[TASK STATEMENT]:
Wherever the string "IFCRELAGGREGATES" appears in the entries below, return the line that holds it.

[Saved data entries]
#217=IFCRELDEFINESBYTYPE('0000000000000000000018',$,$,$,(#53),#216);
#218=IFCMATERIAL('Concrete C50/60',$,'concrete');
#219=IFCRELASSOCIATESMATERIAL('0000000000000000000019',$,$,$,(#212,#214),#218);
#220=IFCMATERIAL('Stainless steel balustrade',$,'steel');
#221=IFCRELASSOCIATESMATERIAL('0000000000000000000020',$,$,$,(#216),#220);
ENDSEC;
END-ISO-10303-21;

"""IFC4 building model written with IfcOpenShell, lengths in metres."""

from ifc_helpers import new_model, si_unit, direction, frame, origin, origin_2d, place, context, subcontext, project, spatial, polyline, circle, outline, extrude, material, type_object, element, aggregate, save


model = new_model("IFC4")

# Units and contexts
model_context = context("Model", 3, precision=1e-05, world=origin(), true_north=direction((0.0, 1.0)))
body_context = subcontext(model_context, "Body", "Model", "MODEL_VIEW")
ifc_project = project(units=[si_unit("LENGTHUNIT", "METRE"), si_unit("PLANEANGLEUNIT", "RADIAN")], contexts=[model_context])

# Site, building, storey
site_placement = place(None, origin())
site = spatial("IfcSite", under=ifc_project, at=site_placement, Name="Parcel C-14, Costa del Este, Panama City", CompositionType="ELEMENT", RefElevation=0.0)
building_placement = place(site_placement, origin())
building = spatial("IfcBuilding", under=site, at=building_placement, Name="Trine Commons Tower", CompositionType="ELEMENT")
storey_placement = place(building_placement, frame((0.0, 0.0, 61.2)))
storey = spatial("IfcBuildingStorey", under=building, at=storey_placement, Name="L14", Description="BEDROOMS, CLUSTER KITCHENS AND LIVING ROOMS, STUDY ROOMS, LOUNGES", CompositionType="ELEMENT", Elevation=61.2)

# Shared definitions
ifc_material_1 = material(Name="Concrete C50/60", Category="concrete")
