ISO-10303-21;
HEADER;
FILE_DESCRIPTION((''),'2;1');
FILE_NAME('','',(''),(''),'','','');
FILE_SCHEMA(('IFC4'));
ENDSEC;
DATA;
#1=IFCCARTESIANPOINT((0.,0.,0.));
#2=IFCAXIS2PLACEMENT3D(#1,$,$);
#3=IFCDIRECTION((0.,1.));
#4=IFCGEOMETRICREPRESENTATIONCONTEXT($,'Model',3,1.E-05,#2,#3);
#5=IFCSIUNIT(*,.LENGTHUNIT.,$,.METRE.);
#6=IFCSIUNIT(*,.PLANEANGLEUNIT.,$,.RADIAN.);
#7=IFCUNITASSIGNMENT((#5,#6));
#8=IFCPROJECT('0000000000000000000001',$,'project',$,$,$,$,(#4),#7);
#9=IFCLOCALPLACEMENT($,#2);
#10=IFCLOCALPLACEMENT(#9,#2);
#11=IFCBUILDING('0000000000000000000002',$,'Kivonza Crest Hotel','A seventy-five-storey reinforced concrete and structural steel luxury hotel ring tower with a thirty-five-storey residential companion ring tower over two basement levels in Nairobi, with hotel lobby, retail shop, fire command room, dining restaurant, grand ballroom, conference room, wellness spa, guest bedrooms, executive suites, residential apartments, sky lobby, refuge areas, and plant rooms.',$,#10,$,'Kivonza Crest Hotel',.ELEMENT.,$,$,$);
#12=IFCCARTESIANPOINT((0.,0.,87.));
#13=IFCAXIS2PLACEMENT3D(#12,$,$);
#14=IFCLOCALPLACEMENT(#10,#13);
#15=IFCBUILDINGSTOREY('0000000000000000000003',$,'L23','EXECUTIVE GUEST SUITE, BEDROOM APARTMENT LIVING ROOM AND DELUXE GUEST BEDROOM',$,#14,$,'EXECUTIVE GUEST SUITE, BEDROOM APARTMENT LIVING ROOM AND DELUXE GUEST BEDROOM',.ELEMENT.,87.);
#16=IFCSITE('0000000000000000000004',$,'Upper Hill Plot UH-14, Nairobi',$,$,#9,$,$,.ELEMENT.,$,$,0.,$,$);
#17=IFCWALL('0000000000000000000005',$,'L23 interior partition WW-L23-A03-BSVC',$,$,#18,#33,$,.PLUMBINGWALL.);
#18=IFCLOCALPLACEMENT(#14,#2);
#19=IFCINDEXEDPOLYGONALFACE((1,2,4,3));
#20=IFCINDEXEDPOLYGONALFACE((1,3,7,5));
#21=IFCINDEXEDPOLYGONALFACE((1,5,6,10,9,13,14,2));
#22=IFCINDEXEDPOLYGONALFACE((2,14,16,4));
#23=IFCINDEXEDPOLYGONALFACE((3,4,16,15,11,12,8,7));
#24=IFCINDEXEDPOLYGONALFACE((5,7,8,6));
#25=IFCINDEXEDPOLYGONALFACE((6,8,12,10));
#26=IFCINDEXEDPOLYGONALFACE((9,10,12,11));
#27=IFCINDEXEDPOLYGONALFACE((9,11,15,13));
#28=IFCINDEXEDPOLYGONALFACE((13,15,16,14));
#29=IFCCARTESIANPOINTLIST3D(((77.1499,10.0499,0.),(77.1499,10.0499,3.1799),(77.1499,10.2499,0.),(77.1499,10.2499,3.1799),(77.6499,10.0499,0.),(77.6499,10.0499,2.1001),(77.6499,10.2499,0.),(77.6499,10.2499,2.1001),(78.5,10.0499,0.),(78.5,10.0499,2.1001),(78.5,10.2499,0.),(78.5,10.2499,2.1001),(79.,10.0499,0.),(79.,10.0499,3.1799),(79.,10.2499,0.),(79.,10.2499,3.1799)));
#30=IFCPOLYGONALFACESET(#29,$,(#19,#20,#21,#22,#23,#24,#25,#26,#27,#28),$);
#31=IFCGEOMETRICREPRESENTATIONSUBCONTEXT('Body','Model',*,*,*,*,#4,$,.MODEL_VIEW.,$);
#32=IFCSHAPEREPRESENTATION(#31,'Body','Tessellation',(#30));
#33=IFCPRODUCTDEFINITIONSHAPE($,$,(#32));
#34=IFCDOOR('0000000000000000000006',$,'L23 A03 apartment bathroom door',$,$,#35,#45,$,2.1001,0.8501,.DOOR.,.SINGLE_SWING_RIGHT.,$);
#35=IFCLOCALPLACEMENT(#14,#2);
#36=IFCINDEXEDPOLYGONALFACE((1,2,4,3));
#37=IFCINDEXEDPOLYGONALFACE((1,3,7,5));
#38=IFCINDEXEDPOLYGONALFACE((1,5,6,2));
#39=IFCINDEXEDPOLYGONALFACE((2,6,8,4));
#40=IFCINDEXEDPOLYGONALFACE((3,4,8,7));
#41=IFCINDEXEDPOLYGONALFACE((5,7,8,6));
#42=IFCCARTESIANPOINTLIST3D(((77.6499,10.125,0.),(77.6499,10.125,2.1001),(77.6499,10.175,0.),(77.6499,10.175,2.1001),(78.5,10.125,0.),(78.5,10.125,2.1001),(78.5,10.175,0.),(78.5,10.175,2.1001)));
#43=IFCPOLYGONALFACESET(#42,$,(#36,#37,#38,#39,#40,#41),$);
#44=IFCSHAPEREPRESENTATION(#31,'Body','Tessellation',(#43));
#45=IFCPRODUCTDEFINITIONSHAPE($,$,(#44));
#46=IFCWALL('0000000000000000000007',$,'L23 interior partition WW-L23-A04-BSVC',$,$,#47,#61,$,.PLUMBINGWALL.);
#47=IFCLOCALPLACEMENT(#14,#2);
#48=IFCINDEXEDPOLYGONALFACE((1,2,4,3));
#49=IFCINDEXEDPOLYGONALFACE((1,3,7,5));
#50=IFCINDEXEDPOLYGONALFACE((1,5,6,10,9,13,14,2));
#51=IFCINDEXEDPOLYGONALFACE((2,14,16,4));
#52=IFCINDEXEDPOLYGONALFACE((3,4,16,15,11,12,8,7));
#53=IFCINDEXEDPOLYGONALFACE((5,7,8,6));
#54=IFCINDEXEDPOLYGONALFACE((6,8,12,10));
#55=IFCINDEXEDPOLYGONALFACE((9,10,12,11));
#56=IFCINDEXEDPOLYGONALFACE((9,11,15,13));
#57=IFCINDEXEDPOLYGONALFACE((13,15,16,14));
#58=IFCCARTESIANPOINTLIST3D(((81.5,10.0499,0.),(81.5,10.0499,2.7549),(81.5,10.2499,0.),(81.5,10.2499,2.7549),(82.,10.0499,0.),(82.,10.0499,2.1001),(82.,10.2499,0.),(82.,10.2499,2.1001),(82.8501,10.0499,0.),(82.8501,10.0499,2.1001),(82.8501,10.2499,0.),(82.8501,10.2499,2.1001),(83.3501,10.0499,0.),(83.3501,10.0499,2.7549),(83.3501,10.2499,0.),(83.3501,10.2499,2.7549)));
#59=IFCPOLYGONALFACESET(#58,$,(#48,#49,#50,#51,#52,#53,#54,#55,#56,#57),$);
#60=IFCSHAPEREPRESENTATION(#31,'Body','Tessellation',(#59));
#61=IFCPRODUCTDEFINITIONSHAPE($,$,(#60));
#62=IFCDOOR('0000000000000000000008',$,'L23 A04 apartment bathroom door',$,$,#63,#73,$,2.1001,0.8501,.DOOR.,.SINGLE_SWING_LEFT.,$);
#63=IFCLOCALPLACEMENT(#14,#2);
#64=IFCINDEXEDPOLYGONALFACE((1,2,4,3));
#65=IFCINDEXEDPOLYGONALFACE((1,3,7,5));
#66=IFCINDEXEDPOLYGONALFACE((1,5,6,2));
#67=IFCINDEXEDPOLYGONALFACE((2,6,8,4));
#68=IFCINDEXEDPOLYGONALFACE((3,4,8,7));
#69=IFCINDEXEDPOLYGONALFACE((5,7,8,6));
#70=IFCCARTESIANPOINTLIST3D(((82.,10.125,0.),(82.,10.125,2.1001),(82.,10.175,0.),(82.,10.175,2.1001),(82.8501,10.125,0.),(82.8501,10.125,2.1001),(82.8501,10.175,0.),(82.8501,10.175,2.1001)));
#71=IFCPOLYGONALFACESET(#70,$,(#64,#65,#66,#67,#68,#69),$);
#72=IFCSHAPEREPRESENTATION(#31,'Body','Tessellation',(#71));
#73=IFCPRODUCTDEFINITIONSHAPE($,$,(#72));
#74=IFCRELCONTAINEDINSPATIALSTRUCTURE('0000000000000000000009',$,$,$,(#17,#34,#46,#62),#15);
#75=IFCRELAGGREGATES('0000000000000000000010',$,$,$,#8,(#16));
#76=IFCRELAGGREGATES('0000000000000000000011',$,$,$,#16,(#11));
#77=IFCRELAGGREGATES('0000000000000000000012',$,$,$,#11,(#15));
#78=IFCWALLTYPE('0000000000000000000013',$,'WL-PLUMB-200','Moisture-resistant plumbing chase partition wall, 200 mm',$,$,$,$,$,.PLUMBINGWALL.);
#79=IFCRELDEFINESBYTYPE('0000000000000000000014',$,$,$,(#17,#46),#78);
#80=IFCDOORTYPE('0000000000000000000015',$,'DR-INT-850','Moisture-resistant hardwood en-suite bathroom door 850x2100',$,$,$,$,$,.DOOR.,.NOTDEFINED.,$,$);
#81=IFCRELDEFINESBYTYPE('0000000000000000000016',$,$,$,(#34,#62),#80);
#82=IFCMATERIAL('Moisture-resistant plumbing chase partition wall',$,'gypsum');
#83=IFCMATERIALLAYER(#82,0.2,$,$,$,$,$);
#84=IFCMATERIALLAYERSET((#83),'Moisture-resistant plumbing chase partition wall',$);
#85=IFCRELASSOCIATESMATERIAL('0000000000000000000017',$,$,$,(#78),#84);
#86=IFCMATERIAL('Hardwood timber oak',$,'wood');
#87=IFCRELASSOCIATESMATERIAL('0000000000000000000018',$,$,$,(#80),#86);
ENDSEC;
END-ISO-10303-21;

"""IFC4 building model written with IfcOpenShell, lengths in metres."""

from ifc_helpers import new_model, si_unit, direction, frame, frame_2d, origin, place, context, subcontext, project, spatial, rectangle, extrude, material, layer, layer_set, type_object, element, fill, save


model = new_model("IFC4")

# Units and contexts
model_context = context("Model", 3, precision=1e-05, world=origin(), true_north=direction((0.0, 1.0)))
body_context = subcontext(model_context, "Body", "Model", "MODEL_VIEW")
ifc_project = project(units=[si_unit("LENGTHUNIT", "METRE"), si_unit("PLANEANGLEUNIT", "RADIAN")], contexts=[model_context])

# Site, building, storey
site_placement = place(None, origin())
site = spatial("IfcSite", under=ifc_project, at=site_placement, Name="Upper Hill Plot UH-14, Nairobi", CompositionType="ELEMENT", RefElevation=0.0)
building_placement = place(site_placement, origin())
building = spatial("IfcBuilding", under=site, at=building_placement, Name="Kivonza Crest Hotel", Description="A seventy-five-storey reinforced concrete and structural steel luxury hotel ring tower with a thirty-five-storey residential companion ring tower over two basement levels in Nairobi, with hotel lobby, retail shop, fire command room, dining restaurant, grand ballroom, conference room, wellness spa, guest bedrooms, executive suites, residential apartments, sky lobby, refuge areas, and plant rooms.", LongName="Kivonza Crest Hotel", CompositionType="ELEMENT")
storey_placement = place(building_placement, frame((0.0, 0.0, 87.0)))
storey = spatial("IfcBuildingStorey", under=building, at=storey_placement, Name="L23", Description="EXECUTIVE GUEST SUITE, BEDROOM APARTMENT LIVING ROOM AND DELUXE GUEST BEDROOM", LongName="EXECUTIVE GUEST SUITE, BEDROOM APARTMENT LIVING ROOM AND DELUXE GUEST BEDROOM", CompositionType="ELEMENT", Elevation=87.0)

# Walls, openings, doors
ifc_material_1 = material(Name="Hardwood timber oak", Category="wood")
ifc_material_2 = material(Name="Moisture-resistant plumbing chase partition wall", Category="gypsum")
ifc_layer_1 = layer(ifc_material_2, 0.2)
ifc_layer_set_1 = layer_set([ifc_layer_1], Name="Moisture-resistant plumbing chase partition wall")
wall_type_1 = type_object("IfcWallType", Name="WL-PLUMB-200", Description="Moisture-resistant plumbing chase partition wall, 200 mm", PredefinedType="PLUMBINGWALL", material=ifc_layer_set_1)
wall_1_placement = place(storey_placement, frame((77.1499, 10.1499, 0.0), z_axis=(0.0, 0.0, 1.0), x_axis=(1.0, 0.0, 0.0)))
wall_1 = element("IfcWall", 1, at=wall_1_placement, inside=storey, type_object=wall_type_1, Name="L23 interior partition WW-L23-A03-BSVC", PredefinedType="PLUMBINGWALL", context=body_context, shape_type="SweptSolid", body=[
    extrude(rectangle(XDim=1.8501, YDim=0.2, at=frame_2d((0.925, 0.0))), origin(), (0.0, 0.0, 1.0), 3.1799),
])
opening_1_placement = place(wall_1_placement, frame((0.5, 0.0, 0.0)))
opening_1 = element("IfcOpeningElement", 2, at=opening_1_placement, cuts=wall_1, PredefinedType="OPENING", context=body_context, shape_type="SweptSolid", body=[
    extrude(rectangle(XDim=0.8501, YDim=2.1001, at=frame_2d((0.425, 1.05))), frame((0.0, 0.1099, 0.0), z_axis=(0.0, -1.0, 0.0), x_axis=(1.0, 0.0, 0.0)), (0.0, 0.0, 1.0), 0.22),
])
door_type_1 = type_object("IfcDoorType", Name="DR-INT-850", Description="Moisture-resistant hardwood en-suite bathroom door 850x2100", OperationType="NOTDEFINED", PredefinedType="DOOR", material=ifc_material_1)
door_1_placement = place(opening_1_placement, frame((0.8501, 0.0, 0.0), z_axis=(0.0, 0.0, 1.0), x_axis=(-1.0, 0.0, 0.0)))
door_1 = element("IfcDoor", 3, at=door_1_placement, inside=storey, type_object=door_type_1, Name="L23 A03 apartment bathroom door", OperationType="SINGLE_SWING_RIGHT", OverallHeight=2.1001, OverallWidth=0.8501, PredefinedType="DOOR", context=body_context, shape_type="SweptSolid", body=[
    extrude(rectangle(XDim=0.8501, YDim=2.1001, at=frame_2d((0.425, 1.05))), frame((0.0, 0.0249, 0.0), z_axis=(0.0, -1.0, 0.0), x_axis=(1.0, 0.0, 0.0)), (0.0, 0.0, 1.0), 0.05),
])
fill(opening_1, door_1)
wall_2_placement = place(storey_placement, frame((81.5, 10.1499, 0.0), z_axis=(0.0, 0.0, 1.0), x_axis=(1.0, 0.0, 0.0)))
wall_2 = element("IfcWall", 4, at=wall_2_placement, inside=storey, type_object=wall_type_1, Name="L23 interior partition WW-L23-A04-BSVC", PredefinedType="PLUMBINGWALL", context=body_context, shape_type="SweptSolid", body=[
    extrude(rectangle(XDim=1.8501, YDim=0.2, at=frame_2d((0.925, 0.0))), origin(), (0.0, 0.0, 1.0), 2.7549),
])
opening_2_placement = place(wall_2_placement, frame((0.5, 0.0, 0.0)))
opening_2 = element("IfcOpeningElement", 5, at=opening_2_placement, cuts=wall_2, PredefinedType="OPENING", context=body_context, shape_type="SweptSolid", body=[
    extrude(rectangle(XDim=0.8501, YDim=2.1001, at=frame_2d((0.425, 1.05))), frame((0.0, 0.1099, 0.0), z_axis=(0.0, -1.0, 0.0), x_axis=(1.0, 0.0, 0.0)), (0.0, 0.0, 1.0), 0.22),
])
door_2_placement = place(opening_2_placement, frame((0.8501, 0.0, 0.0), z_axis=(0.0, 0.0, 1.0), x_axis=(-1.0, 0.0, 0.0)))
door_2 = element("IfcDoor", 6, at=door_2_placement, inside=storey, type_object=door_type_1, Name="L23 A04 apartment bathroom door", OperationType="SINGLE_SWING_LEFT", OverallHeight=2.1001, OverallWidth=0.8501, PredefinedType="DOOR", context=body_context, shape_type="SweptSolid", body=[
    extrude(rectangle(XDim=0.8501, YDim=2.1001, at=frame_2d((0.425, 1.05))), frame((0.0, 0.0249, 0.0), z_axis=(0.0, -1.0, 0.0), x_axis=(1.0, 0.0, 0.0)), (0.0, 0.0, 1.0), 0.05),
])
fill(opening_2, door_2)

save(model, "model.ifc")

[SOLUTION TO THIS EXERCISE]:
#75=IFCRELAGGREGATES('0000000000000000000010',$,$,$,#8,(#16));
#76=IFCRELAGGREGATES('0000000000000000000011',$,$,$,#16,(#11));
#77=IFCRELAGGREGATES('0000000000000000000012',$,$,$,#11,(#15));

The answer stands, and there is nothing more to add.